─── RECORDS FOR THIS TASK

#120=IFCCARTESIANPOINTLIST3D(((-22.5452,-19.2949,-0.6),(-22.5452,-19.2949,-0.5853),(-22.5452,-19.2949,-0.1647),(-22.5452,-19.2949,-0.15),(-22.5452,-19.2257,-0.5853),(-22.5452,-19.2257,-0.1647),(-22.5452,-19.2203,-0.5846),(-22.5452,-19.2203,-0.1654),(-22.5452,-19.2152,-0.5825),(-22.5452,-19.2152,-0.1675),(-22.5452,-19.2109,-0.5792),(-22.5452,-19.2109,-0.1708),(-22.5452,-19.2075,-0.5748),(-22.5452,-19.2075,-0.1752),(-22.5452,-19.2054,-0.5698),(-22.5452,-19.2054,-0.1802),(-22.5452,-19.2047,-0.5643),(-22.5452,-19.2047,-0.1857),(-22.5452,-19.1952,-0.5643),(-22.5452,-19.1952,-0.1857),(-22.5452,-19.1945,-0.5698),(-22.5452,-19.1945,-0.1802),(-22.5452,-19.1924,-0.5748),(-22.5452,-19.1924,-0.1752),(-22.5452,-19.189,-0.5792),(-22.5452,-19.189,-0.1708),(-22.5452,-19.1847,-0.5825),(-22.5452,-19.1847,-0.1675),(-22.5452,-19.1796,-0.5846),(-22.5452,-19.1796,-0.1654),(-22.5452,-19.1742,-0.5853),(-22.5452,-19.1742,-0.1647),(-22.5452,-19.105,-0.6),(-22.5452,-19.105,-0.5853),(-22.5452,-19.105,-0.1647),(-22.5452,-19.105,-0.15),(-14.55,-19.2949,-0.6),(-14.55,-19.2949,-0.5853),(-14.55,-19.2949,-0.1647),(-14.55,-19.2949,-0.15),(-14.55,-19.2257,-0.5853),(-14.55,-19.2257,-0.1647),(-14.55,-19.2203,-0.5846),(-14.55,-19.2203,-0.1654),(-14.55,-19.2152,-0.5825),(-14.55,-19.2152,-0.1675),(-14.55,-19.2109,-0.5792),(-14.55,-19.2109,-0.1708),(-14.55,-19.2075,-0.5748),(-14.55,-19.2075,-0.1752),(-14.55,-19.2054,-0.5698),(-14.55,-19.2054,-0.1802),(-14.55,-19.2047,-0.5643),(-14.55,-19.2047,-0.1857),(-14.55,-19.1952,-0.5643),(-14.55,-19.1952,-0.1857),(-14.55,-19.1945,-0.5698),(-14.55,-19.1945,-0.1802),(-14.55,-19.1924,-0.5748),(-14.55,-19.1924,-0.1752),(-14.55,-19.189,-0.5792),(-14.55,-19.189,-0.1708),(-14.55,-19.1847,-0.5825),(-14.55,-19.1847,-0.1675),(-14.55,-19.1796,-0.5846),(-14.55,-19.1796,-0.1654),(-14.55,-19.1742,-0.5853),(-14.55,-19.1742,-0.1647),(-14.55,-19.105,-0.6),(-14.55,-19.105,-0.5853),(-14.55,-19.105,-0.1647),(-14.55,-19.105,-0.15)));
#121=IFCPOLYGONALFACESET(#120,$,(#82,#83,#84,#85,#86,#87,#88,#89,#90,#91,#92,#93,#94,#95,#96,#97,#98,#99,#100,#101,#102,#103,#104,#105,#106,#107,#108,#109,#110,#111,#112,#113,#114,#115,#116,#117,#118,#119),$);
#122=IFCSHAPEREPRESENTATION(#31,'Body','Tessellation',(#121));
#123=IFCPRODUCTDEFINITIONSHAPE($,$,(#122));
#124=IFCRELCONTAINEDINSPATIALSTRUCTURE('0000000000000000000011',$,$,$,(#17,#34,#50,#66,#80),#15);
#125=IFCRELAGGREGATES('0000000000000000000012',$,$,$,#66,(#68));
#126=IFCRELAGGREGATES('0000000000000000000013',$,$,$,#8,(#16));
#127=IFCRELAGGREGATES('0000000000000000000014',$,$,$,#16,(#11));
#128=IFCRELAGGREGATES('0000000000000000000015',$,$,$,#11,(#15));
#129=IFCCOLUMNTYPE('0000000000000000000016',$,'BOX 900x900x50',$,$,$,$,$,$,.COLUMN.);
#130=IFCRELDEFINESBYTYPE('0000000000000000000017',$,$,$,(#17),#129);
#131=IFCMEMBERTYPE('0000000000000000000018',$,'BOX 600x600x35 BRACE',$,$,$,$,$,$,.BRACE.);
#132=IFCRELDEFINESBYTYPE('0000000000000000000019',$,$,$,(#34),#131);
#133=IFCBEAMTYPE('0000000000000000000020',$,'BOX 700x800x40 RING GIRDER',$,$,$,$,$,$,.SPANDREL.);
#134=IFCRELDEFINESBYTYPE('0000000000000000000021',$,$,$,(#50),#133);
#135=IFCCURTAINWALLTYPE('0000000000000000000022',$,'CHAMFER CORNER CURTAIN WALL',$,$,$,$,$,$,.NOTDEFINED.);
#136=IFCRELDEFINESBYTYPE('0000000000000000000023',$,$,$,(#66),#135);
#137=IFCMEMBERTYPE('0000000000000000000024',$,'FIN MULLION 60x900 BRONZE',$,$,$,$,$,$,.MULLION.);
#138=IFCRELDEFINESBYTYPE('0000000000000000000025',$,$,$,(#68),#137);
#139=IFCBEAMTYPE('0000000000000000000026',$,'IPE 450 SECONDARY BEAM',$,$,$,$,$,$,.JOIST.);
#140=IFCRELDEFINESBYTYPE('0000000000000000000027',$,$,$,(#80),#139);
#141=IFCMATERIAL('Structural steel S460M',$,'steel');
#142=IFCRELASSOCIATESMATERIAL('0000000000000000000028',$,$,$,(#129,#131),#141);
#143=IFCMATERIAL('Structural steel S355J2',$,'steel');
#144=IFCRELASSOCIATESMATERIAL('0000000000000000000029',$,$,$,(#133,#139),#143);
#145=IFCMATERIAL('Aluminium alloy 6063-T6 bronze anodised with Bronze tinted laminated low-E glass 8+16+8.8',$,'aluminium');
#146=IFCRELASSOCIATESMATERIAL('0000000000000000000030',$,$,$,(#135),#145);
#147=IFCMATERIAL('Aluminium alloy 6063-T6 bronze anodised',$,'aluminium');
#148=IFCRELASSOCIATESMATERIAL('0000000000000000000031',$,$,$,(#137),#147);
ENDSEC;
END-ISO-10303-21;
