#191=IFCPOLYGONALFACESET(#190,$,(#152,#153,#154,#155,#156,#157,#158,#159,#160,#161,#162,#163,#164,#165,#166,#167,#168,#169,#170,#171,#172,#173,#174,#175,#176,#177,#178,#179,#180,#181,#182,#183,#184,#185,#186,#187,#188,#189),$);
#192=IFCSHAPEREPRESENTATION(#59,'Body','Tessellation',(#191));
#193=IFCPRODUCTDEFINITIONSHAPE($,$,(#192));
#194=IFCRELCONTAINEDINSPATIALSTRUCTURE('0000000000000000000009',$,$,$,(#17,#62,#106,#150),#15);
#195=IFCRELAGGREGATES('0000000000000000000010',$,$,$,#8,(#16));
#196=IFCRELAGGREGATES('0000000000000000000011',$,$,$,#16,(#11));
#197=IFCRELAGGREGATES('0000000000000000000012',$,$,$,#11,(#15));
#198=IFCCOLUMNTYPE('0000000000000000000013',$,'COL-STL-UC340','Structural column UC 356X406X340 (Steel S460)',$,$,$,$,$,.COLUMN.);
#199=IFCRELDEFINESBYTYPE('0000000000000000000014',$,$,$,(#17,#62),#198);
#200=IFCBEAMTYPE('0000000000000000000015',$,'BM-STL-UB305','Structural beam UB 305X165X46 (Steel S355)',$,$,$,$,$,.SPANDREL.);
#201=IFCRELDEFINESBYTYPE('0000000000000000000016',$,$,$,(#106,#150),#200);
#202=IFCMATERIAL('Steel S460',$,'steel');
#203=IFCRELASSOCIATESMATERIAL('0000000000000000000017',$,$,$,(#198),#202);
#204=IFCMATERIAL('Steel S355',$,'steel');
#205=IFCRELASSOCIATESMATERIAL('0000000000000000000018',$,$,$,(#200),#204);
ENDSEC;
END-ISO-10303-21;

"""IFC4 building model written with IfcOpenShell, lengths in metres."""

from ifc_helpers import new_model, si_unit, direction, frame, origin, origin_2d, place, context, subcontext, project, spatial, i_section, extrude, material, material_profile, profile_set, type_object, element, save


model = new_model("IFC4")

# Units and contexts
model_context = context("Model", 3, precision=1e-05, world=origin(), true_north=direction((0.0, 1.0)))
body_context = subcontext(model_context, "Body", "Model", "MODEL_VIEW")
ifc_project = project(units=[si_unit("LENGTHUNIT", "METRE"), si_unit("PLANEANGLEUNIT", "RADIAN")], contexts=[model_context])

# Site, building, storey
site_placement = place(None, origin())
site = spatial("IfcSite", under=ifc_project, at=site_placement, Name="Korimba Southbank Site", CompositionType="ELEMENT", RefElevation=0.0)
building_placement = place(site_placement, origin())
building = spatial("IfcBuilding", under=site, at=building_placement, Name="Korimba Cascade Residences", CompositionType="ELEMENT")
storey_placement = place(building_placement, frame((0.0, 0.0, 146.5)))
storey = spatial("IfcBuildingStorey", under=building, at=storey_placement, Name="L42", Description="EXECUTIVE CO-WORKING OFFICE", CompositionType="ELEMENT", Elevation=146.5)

──────

Every line holding the string "Body" should be copied here, so please find those lines in the data.

▸ **SOLUTION FOR THIS TASK**
#122=IFCSHAPEREPRESENTATION(#31,'Body','Tessellation',(#121));
#192=IFCSHAPEREPRESENTATION(#59,'Body','Tessellation',(#191));
body_context = subcontext(model_context, "Body", "Model", "MODEL_VIEW")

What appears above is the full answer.